Print, exactly as written, every line from the first line of the records below through the line containing "building_placement = place(site_placement, origin())", and nothing further.

(Stored items)
* * * * * * *
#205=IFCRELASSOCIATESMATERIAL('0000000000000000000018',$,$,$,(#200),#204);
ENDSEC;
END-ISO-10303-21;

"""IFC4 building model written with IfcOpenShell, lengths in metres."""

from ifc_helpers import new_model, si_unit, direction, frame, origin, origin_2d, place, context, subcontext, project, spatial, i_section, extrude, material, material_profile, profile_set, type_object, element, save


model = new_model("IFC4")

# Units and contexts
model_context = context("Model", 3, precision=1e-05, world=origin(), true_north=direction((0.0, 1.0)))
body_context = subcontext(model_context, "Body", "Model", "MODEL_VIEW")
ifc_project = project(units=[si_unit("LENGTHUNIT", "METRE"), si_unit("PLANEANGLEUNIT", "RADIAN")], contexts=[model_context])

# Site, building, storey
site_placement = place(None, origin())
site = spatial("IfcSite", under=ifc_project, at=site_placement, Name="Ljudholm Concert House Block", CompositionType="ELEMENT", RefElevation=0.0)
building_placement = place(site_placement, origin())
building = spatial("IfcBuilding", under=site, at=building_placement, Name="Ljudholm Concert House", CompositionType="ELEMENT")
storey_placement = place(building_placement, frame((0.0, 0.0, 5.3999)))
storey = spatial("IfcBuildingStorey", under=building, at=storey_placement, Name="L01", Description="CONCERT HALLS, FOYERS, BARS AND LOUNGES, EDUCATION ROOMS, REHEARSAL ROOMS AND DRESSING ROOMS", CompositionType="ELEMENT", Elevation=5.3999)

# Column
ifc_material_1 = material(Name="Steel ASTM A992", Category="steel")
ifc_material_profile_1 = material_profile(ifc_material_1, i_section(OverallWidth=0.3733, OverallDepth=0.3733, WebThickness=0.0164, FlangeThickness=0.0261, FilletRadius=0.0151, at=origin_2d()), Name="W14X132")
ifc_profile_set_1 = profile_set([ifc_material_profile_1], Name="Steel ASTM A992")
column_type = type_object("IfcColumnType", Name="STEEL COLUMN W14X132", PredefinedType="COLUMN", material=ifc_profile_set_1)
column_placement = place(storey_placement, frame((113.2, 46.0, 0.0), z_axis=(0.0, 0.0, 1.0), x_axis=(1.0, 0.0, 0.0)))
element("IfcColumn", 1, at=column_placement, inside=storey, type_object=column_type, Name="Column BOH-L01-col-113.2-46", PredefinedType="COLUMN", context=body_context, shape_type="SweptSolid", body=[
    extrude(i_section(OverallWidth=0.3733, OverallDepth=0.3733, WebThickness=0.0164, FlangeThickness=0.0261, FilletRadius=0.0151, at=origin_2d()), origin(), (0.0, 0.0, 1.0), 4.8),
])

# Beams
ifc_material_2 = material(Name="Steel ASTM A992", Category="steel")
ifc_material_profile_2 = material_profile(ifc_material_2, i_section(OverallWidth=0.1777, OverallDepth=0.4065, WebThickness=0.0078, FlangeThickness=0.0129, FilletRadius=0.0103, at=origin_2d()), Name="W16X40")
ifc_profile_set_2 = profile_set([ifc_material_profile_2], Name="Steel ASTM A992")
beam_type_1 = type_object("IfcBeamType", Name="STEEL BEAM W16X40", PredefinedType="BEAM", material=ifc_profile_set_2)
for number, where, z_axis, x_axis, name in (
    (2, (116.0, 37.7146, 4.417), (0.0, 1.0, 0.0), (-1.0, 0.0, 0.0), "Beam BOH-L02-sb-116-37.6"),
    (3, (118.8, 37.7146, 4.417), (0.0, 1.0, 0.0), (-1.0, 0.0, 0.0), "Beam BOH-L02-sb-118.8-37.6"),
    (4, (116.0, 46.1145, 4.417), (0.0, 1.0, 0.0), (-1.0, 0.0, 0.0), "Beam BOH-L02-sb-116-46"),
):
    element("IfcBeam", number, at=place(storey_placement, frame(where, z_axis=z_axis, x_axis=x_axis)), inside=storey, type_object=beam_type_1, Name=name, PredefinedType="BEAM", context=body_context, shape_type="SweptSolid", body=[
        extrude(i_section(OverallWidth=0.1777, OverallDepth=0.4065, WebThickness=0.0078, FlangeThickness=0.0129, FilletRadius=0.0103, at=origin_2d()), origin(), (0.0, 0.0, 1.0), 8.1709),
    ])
* * * * * * *
EXERCISE ANSWER:
#205=IFCRELASSOCIATESMATERIAL('0000000000000000000018',$,$,$,(#200),#204);
ENDSEC;
END-ISO-10303-21;

"""IFC4 building model written with IfcOpenShell, lengths in metres."""

from ifc_helpers import new_model, si_unit, direction, frame, origin, origin_2d, place, context, subcontext, project, spatial, i_section, extrude, material, material_profile, profile_set, type_object, element, save


model = new_model("IFC4")

# Units and contexts
model_context = context("Model", 3, precision=1e-05, world=origin(), true_north=direction((0.0, 1.0)))
body_context = subcontext(model_context, "Body", "Model", "MODEL_VIEW")
ifc_project = project(units=[si_unit("LENGTHUNIT", "METRE"), si_unit("PLANEANGLEUNIT", "RADIAN")], contexts=[model_context])

# Site, building, storey
site_placement = place(None, origin())
site = spatial("IfcSite", under=ifc_project, at=site_placement, Name="Ljudholm Concert House Block", CompositionType="ELEMENT", RefElevation=0.0)
building_placement = place(site_placement, origin())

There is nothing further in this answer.